> Data section:
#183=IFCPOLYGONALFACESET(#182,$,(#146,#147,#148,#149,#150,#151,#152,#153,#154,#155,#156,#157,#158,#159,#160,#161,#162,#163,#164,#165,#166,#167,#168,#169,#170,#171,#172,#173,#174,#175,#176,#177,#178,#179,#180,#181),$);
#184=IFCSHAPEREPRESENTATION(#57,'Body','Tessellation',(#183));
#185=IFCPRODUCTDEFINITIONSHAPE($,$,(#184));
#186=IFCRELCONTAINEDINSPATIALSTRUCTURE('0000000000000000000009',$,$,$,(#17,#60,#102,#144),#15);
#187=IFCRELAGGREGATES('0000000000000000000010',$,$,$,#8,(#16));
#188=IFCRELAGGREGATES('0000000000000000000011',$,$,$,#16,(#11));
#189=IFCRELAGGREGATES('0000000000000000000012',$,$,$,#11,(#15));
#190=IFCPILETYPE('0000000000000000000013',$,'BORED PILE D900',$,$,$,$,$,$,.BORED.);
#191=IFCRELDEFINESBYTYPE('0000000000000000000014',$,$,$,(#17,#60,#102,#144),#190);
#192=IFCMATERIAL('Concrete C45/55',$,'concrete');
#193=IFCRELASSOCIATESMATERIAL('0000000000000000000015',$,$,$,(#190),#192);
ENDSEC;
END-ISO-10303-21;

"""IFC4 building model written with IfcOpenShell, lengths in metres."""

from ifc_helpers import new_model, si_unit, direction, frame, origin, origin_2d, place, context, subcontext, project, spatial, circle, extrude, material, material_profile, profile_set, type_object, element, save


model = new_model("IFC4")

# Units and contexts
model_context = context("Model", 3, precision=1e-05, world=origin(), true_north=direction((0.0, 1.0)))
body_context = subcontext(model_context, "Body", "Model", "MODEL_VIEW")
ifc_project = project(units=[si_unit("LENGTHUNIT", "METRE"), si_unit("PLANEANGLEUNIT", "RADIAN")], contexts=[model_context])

==

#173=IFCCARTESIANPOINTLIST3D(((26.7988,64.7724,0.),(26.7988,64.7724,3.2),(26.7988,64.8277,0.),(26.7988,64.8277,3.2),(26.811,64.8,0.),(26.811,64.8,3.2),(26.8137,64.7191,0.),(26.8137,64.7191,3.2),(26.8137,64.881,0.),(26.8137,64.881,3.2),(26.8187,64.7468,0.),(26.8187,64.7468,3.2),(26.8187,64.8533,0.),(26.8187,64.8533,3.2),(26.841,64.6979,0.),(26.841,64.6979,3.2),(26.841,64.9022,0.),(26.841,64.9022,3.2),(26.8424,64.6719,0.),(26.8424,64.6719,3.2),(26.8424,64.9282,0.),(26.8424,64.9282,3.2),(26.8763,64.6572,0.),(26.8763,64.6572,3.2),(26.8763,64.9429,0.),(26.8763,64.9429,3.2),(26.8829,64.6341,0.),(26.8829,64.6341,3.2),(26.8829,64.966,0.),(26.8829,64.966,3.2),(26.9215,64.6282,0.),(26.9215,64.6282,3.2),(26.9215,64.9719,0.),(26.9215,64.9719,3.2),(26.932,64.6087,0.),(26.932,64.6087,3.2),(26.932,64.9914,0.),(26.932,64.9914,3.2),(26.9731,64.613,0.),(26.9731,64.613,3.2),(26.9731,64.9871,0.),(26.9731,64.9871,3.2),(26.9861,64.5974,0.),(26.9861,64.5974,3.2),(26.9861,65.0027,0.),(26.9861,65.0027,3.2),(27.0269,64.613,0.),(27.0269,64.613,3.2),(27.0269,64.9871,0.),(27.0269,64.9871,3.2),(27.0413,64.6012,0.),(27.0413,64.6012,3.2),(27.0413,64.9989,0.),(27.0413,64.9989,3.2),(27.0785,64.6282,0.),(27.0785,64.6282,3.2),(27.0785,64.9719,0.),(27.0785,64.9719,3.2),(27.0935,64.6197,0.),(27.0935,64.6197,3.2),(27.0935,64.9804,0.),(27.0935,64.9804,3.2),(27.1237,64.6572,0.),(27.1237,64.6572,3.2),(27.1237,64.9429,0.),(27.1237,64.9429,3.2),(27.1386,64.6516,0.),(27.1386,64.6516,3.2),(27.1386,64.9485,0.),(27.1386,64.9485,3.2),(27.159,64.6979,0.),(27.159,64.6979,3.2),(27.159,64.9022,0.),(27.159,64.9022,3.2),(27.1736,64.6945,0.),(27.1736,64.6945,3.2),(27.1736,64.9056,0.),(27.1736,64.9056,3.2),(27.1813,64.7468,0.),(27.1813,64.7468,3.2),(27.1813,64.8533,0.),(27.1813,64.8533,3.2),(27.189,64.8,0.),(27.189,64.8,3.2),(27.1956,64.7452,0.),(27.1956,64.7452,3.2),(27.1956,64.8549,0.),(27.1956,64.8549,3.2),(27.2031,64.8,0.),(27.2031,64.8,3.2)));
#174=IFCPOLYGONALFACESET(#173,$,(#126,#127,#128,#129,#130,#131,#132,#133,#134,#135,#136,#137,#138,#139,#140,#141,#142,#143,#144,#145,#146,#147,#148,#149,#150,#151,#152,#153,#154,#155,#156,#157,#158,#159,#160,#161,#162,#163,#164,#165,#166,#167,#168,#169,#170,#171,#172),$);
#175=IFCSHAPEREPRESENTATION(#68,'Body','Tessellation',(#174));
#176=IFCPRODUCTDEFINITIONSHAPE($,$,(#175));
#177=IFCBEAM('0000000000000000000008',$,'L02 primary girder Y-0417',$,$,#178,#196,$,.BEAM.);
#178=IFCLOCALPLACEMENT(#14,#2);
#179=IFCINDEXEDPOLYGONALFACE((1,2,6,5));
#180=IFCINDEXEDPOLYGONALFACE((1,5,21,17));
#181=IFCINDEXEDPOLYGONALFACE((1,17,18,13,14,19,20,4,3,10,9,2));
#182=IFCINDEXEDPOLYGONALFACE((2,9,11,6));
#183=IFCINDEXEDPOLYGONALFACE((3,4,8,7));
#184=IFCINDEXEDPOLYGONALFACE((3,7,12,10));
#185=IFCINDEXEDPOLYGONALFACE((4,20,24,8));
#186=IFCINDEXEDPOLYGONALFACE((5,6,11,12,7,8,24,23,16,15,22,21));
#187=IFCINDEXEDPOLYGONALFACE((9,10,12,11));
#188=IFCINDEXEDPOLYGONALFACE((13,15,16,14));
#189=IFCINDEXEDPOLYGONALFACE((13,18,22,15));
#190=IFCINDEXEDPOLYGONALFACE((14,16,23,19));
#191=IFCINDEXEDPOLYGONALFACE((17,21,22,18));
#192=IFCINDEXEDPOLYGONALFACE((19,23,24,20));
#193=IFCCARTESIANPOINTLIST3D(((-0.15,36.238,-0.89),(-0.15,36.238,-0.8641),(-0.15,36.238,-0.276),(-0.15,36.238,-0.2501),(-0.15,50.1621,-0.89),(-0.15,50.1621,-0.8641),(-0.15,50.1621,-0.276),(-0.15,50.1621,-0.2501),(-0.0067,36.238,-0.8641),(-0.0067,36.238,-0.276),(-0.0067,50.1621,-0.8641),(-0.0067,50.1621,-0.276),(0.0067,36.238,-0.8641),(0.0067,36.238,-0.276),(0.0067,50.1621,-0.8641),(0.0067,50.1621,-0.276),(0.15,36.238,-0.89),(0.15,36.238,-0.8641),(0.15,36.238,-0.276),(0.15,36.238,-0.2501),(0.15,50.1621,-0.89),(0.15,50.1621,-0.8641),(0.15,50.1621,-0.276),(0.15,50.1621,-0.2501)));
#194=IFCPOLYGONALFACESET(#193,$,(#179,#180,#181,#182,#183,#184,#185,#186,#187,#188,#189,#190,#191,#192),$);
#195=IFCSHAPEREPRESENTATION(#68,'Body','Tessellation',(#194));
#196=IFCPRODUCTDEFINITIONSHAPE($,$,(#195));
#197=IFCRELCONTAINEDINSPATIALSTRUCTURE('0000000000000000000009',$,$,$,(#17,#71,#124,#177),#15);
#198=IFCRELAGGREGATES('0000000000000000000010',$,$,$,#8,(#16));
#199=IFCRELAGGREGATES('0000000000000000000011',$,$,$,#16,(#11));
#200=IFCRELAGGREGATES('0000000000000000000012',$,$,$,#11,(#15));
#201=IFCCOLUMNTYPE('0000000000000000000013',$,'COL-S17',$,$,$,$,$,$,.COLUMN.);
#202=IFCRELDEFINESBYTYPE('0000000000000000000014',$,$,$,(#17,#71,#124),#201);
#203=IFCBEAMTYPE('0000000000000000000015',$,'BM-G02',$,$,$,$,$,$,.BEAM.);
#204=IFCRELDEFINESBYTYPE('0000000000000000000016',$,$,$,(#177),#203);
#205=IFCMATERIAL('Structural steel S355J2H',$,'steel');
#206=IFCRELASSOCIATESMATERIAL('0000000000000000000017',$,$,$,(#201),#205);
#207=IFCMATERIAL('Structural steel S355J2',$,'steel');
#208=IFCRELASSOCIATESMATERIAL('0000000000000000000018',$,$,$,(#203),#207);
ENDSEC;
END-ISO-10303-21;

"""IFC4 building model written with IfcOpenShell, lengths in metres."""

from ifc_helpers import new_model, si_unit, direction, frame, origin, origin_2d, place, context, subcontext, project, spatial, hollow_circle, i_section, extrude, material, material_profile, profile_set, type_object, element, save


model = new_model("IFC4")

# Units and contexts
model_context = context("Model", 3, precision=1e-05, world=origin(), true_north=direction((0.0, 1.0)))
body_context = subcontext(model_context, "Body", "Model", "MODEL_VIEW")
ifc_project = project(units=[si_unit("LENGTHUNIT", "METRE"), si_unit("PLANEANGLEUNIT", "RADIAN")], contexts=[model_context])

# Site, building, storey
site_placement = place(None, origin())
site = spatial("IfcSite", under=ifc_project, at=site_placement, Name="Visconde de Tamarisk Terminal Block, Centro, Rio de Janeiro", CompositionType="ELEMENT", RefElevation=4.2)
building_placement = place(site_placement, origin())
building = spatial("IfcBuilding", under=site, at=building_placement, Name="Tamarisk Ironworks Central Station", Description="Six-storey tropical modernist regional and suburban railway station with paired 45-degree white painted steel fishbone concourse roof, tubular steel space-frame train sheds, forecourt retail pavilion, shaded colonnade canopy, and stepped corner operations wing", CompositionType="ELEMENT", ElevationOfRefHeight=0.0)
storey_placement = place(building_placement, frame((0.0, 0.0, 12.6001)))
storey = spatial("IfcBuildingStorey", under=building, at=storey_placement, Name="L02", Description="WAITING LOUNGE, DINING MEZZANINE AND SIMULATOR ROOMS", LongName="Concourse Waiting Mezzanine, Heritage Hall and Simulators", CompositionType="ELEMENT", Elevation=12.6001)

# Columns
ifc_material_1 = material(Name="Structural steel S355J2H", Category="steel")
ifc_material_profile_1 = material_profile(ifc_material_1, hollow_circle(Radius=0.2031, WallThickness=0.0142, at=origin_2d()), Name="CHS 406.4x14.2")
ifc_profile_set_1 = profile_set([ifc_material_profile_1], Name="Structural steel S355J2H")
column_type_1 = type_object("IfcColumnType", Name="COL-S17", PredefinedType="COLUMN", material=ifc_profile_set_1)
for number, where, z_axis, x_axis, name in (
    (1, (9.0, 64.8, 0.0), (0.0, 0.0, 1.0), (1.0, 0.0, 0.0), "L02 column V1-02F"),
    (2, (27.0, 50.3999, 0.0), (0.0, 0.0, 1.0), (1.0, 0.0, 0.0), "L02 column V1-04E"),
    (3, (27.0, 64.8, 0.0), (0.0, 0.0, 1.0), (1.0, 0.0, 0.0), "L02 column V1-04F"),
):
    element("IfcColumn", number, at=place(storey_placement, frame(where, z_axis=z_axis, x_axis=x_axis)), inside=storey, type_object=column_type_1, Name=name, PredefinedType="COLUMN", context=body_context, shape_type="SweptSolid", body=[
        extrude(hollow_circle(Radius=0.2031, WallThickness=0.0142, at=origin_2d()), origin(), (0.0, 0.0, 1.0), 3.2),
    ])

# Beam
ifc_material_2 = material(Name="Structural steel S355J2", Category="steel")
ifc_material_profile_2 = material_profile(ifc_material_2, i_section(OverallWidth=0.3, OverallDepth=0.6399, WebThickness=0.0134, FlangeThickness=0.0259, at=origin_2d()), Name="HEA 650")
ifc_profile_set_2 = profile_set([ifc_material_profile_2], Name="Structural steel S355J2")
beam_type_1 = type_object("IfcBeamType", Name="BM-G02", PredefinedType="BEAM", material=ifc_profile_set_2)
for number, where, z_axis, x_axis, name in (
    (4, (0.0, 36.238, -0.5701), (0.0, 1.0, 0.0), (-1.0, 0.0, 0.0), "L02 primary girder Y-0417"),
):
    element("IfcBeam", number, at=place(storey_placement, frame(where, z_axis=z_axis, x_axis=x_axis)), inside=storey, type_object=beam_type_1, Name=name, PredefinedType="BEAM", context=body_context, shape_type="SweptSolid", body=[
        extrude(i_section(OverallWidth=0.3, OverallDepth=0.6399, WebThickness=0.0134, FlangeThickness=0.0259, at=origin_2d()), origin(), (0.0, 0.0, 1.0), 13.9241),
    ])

> Assignment: Pull every line that holds the string "Structural" out of the records.

> Response area:
#205=IFCMATERIAL('Structural steel S355J2H',$,'steel');
#207=IFCMATERIAL('Structural steel S355J2',$,'steel');
ifc_material_1 = material(Name="Structural steel S355J2H", Category="steel")
ifc_profile_set_1 = profile_set([ifc_material_profile_1], Name="Structural steel S355J2H")
ifc_material_2 = material(Name="Structural steel S355J2", Category="steel")
ifc_profile_set_2 = profile_set([ifc_material_profile_2], Name="Structural steel S355J2")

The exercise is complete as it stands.